◆ **Material provided**
────────────────

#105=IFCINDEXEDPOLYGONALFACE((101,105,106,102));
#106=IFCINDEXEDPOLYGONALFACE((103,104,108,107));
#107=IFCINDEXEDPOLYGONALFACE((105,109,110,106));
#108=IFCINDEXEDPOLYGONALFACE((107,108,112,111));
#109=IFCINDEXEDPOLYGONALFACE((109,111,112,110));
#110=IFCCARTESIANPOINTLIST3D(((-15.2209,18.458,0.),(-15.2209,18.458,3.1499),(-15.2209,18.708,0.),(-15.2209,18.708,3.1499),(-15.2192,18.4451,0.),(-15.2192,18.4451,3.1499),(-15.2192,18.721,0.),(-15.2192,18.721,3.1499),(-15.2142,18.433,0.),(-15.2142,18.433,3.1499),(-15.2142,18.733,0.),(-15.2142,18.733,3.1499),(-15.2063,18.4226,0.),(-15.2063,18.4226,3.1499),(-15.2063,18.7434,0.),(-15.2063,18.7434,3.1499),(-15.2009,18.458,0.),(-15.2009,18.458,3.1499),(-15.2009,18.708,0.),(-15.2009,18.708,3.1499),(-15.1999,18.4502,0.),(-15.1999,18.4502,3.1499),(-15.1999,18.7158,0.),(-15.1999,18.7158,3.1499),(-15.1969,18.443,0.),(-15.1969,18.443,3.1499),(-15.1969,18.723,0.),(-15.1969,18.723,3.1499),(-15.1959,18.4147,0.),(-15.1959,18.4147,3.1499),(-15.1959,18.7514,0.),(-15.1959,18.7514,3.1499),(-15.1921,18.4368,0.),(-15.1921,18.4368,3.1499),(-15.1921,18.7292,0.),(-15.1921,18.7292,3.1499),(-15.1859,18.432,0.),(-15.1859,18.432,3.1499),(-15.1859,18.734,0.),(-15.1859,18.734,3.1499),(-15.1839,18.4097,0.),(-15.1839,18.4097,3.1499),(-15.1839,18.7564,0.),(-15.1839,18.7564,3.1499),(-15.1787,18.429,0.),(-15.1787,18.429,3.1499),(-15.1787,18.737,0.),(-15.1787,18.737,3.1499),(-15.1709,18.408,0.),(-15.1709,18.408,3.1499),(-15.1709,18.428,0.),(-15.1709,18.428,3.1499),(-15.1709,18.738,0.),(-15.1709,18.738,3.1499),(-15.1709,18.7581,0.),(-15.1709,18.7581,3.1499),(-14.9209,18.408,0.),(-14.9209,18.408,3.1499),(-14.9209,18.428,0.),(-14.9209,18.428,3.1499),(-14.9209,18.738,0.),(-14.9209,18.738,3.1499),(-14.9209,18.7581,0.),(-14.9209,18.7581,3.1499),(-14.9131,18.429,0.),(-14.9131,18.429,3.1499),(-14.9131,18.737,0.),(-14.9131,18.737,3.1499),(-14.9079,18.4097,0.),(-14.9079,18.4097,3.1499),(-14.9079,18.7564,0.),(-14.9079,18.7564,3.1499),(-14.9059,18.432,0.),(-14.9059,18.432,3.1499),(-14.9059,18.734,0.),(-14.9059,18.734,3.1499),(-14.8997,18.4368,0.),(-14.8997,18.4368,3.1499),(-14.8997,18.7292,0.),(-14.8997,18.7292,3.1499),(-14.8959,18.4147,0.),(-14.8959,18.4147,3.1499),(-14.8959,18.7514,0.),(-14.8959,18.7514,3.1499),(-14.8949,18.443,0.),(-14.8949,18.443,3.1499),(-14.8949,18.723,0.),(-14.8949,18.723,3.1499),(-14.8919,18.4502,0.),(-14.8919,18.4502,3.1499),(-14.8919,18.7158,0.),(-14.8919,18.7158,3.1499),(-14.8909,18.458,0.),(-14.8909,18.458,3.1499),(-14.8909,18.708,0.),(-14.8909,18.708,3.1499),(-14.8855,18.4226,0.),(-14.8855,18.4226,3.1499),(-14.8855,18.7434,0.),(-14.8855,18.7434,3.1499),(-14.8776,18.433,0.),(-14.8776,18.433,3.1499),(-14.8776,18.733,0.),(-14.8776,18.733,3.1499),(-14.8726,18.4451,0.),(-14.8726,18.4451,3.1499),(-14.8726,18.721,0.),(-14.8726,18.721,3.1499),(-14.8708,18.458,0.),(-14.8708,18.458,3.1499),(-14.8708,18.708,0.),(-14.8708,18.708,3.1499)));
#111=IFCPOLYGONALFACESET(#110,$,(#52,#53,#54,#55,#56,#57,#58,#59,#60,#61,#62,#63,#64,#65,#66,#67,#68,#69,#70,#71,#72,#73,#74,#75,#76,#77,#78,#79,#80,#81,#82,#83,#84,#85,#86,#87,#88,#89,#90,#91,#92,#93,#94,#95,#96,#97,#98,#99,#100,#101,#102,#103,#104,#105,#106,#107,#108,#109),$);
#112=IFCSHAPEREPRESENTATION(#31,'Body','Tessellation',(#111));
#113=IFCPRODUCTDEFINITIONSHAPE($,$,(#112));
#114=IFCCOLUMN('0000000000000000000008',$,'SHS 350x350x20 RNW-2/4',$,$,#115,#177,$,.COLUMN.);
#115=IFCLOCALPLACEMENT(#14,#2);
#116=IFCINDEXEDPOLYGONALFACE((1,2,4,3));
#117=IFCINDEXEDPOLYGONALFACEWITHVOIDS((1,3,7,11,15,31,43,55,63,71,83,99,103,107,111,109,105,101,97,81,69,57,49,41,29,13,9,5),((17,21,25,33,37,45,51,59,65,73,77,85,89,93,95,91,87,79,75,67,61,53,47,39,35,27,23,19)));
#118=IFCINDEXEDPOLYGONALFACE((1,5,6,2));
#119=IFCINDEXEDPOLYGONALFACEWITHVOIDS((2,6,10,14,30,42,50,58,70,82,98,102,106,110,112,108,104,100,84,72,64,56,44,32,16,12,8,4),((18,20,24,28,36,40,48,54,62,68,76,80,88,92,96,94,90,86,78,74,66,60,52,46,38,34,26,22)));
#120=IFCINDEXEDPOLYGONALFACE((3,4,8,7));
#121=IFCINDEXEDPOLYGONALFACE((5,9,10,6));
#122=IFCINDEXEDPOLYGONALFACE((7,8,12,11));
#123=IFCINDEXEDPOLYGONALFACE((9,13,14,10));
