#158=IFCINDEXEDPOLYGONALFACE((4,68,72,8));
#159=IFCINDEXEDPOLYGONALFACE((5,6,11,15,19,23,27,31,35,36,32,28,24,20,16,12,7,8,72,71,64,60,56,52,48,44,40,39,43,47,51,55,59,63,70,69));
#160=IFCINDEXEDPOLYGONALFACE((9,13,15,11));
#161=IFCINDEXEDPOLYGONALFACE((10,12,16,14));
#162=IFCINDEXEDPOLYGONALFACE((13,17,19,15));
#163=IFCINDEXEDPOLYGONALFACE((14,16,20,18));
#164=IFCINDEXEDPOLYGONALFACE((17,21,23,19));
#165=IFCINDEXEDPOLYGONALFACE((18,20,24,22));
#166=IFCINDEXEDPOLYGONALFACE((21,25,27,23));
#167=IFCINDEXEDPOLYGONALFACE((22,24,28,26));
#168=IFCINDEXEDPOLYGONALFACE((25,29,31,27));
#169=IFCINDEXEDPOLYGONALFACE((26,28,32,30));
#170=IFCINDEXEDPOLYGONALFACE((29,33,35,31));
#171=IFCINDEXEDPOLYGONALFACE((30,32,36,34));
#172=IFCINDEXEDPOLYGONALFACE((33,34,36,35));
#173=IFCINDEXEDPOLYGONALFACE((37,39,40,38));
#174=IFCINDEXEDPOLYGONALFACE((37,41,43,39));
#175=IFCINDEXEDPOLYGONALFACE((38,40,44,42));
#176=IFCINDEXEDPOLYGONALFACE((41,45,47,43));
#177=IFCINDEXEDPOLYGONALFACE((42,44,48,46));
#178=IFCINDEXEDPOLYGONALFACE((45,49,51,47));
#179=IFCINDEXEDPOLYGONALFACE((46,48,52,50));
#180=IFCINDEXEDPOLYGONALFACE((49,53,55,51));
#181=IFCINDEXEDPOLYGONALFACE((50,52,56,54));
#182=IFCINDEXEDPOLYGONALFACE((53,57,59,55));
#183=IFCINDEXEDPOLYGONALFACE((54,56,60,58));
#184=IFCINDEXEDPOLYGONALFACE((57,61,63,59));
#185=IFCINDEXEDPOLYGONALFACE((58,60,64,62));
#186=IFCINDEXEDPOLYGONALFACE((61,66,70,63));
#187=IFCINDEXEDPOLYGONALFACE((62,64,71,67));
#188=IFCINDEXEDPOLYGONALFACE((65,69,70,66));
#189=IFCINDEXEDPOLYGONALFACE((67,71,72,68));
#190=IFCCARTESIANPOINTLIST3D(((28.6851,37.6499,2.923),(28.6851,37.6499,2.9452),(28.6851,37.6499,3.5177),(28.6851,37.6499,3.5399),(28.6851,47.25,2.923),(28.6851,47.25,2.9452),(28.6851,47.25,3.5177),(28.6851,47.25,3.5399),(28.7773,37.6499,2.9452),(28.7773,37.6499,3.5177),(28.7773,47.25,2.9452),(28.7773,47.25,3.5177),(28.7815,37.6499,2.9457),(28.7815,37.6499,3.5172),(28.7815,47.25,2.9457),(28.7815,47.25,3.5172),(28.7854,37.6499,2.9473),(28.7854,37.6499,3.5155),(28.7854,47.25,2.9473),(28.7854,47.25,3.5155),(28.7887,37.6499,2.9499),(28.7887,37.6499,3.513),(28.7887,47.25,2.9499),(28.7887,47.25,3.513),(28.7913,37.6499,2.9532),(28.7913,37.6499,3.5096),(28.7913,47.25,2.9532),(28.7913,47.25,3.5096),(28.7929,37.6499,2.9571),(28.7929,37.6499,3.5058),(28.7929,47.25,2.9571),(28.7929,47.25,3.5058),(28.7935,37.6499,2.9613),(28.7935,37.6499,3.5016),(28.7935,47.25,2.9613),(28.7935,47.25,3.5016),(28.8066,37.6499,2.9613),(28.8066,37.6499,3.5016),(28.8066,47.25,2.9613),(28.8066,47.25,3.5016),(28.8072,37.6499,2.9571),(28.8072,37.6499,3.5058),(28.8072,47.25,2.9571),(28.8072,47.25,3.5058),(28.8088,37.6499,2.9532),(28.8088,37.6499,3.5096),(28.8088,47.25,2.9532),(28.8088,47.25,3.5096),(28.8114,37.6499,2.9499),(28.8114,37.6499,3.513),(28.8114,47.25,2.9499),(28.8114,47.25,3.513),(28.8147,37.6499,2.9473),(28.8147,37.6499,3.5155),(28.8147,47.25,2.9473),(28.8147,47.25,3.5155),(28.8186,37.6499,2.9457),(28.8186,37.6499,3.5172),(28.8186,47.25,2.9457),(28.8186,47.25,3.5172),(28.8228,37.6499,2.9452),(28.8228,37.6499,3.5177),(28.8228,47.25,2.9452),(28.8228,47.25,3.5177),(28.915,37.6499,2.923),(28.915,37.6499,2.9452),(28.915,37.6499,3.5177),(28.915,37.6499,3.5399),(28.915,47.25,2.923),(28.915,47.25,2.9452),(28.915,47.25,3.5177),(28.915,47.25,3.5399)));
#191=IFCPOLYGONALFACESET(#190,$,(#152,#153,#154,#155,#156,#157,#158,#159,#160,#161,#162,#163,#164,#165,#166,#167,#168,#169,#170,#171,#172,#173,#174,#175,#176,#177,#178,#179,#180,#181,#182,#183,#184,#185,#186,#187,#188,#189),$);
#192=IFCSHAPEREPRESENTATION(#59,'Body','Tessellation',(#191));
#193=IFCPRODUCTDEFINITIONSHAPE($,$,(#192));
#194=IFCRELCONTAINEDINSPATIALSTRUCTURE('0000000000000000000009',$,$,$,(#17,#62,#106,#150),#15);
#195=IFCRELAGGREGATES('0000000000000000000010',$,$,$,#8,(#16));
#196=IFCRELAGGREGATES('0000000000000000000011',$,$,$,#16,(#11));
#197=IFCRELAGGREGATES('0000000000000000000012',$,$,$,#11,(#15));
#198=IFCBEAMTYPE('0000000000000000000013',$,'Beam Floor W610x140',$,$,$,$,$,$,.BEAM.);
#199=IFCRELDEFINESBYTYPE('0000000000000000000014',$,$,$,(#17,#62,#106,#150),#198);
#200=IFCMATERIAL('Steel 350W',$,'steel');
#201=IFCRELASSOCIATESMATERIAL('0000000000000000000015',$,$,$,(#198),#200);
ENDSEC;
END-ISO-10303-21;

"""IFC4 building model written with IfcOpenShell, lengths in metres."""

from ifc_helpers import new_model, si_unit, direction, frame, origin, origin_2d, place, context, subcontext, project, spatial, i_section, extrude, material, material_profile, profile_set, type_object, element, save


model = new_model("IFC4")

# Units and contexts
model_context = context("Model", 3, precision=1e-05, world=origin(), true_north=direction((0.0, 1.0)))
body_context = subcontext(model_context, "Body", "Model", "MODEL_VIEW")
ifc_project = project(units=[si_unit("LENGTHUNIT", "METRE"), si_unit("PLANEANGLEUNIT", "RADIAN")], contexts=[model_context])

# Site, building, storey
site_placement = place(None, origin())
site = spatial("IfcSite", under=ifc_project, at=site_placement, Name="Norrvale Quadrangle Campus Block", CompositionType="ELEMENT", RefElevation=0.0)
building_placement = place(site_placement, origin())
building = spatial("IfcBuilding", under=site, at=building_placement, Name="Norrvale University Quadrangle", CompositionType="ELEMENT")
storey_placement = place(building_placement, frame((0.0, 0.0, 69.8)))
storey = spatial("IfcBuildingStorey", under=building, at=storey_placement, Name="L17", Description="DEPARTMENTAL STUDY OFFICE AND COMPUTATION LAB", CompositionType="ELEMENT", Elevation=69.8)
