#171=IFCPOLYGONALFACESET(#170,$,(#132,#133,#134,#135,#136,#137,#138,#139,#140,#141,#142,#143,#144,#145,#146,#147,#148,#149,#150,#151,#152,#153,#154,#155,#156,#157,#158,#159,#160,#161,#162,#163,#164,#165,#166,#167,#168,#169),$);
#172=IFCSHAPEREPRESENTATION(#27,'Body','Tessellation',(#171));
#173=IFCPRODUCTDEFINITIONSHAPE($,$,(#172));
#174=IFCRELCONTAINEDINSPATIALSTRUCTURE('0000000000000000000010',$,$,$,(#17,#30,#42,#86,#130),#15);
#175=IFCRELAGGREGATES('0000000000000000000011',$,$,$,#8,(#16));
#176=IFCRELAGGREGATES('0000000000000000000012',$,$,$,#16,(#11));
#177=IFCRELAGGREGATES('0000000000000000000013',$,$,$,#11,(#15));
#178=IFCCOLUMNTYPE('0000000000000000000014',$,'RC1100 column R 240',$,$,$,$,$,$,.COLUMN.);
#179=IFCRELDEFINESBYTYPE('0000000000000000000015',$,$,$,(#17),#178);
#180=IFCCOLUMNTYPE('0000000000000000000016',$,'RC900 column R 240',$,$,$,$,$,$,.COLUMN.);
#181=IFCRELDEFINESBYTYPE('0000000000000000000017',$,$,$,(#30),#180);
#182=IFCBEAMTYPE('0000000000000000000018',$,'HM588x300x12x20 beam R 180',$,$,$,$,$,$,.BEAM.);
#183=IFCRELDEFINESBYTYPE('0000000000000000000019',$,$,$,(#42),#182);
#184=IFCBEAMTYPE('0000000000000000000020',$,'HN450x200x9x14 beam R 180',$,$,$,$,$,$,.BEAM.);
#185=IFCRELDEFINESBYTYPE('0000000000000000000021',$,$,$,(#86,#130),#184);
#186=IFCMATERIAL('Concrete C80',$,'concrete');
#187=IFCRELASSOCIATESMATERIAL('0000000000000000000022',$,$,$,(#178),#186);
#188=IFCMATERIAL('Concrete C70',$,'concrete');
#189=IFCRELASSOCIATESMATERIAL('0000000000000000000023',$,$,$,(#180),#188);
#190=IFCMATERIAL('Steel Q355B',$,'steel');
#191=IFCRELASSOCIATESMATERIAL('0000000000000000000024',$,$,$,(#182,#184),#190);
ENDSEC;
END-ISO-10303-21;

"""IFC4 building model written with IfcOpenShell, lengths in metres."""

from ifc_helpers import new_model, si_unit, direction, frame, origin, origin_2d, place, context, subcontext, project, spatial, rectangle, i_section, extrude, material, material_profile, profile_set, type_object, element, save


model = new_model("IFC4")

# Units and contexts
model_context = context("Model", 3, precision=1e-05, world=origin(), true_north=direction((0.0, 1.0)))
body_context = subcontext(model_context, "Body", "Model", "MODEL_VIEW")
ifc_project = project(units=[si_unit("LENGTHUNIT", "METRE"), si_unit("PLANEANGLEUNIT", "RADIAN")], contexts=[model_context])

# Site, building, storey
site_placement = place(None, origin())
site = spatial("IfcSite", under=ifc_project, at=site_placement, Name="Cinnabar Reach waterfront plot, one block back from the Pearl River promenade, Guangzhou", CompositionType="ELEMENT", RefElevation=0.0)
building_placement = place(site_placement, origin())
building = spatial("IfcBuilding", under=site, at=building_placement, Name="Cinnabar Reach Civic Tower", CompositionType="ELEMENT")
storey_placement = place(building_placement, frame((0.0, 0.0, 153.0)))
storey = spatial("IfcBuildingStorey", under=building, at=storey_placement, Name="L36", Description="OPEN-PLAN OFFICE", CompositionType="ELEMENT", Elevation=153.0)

────────────────

◆ **About this exercise**
In the material above, transcribe exactly the lines beginning at the one with "#108=IFCINDEXEDPOLYGONALFACE((107,108,112,111));" and ending at the one with "#109=IFCINDEXEDPOLYGONALFACE((109,111,112,110));", both included.

◆ **Exercise result**
#108=IFCINDEXEDPOLYGONALFACE((107,108,112,111));
#109=IFCINDEXEDPOLYGONALFACE((109,111,112,110));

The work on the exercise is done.